From the entries below, return only the lines starting at the one that contains "# Units and contexts" and ending at the one that contains "building_placement = place(site_placement, origin())", exactly as they stand.

• _Data supplied_
>>>
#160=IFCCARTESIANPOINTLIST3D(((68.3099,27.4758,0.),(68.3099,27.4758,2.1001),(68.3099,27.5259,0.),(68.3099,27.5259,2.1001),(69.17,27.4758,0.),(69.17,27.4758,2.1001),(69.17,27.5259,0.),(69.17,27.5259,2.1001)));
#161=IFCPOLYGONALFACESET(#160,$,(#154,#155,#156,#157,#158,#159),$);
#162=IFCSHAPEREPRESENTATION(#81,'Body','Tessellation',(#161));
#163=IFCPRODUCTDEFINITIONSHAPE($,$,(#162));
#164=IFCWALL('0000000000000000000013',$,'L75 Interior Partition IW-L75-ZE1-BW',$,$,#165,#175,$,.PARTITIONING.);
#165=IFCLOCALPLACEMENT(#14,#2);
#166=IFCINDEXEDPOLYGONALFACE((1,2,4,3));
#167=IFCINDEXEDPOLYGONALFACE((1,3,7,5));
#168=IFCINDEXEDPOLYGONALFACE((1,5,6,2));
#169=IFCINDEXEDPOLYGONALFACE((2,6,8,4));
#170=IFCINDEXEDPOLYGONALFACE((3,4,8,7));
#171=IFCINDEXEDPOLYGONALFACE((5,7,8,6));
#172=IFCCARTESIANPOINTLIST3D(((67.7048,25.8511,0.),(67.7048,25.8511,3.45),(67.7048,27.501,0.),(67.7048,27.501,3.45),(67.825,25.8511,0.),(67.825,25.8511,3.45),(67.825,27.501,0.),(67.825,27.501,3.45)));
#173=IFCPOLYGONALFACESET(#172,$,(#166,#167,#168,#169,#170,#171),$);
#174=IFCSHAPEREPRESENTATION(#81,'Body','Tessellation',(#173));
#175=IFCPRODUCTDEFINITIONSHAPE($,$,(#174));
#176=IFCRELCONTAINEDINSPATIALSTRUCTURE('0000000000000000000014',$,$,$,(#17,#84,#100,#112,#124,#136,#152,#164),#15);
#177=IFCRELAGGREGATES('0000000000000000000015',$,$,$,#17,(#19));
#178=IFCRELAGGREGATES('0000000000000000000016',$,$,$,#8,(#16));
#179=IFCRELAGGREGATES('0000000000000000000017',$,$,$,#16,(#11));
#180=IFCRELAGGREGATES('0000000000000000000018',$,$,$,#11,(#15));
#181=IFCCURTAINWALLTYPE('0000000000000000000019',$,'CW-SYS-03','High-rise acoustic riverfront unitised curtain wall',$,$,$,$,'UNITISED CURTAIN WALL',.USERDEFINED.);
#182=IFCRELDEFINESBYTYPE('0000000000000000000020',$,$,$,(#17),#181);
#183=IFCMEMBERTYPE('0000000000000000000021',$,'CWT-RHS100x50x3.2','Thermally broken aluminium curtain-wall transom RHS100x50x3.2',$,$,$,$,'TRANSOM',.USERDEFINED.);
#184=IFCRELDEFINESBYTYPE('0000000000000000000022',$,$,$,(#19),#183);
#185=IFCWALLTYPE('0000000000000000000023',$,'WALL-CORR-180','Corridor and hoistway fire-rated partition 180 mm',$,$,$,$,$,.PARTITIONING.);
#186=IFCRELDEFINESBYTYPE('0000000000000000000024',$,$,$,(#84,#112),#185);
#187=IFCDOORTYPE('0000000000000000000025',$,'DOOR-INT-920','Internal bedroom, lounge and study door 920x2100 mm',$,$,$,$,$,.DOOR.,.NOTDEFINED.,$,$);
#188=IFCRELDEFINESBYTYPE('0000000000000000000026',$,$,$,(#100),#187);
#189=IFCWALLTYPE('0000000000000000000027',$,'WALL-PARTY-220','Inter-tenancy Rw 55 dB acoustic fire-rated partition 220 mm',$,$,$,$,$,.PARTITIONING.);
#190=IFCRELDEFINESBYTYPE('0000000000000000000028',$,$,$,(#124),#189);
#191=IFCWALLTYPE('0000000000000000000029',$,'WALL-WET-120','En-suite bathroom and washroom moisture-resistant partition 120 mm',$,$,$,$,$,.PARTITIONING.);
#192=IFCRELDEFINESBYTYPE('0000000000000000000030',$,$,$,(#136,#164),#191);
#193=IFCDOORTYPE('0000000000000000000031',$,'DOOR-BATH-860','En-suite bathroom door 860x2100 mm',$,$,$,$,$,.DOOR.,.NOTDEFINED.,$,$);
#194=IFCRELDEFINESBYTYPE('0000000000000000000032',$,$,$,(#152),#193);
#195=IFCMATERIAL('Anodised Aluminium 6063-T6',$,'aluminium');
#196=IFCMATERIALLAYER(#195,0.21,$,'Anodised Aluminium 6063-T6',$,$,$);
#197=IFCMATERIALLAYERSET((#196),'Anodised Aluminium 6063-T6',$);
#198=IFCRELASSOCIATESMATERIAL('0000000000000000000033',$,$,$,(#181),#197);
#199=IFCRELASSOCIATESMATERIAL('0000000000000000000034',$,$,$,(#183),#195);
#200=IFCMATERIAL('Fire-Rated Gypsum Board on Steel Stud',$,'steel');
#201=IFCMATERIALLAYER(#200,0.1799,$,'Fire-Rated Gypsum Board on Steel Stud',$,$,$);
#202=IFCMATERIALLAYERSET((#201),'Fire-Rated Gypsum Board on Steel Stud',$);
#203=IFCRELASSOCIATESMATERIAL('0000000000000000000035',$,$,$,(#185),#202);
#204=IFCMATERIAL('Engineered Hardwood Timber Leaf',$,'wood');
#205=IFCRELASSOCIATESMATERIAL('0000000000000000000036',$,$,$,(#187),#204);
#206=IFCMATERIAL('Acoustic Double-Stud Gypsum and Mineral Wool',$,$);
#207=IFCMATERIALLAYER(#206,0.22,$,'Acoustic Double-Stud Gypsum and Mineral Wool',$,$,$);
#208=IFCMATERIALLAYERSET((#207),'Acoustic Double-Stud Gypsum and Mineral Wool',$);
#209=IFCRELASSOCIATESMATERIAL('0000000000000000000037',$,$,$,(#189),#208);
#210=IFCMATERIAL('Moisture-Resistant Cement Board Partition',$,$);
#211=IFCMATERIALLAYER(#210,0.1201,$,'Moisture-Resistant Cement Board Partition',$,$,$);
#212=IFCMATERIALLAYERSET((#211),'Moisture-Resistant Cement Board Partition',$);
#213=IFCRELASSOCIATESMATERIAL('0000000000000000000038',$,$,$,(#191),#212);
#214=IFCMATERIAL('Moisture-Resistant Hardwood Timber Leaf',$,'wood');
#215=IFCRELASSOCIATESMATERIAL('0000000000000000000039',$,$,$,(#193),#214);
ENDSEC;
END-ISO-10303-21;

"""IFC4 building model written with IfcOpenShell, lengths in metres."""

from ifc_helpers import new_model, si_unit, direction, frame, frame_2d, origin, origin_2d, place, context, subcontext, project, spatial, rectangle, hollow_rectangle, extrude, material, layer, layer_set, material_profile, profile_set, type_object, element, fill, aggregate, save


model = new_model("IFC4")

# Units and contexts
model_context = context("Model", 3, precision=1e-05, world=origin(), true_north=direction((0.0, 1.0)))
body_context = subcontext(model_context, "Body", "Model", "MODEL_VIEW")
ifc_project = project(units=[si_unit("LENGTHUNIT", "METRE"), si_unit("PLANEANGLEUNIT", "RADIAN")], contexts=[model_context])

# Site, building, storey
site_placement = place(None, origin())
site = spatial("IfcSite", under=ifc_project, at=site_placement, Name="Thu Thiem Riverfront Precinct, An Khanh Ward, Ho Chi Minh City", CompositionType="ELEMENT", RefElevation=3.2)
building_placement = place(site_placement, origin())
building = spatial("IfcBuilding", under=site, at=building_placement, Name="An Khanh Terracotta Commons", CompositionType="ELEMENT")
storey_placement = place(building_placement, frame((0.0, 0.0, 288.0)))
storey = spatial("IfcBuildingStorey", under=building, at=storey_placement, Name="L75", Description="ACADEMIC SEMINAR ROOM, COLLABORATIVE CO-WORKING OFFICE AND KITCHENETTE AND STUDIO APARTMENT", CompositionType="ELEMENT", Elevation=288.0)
<<<
• _Expected output_
# Units and contexts
model_context = context("Model", 3, precision=1e-05, world=origin(), true_north=direction((0.0, 1.0)))
body_context = subcontext(model_context, "Body", "Model", "MODEL_VIEW")
ifc_project = project(units=[si_unit("LENGTHUNIT", "METRE"), si_unit("PLANEANGLEUNIT", "RADIAN")], contexts=[model_context])

# Site, building, storey
site_placement = place(None, origin())
site = spatial("IfcSite", under=ifc_project, at=site_placement, Name="Thu Thiem Riverfront Precinct, An Khanh Ward, Ho Chi Minh City", CompositionType="ELEMENT", RefElevation=3.2)
building_placement = place(site_placement, origin())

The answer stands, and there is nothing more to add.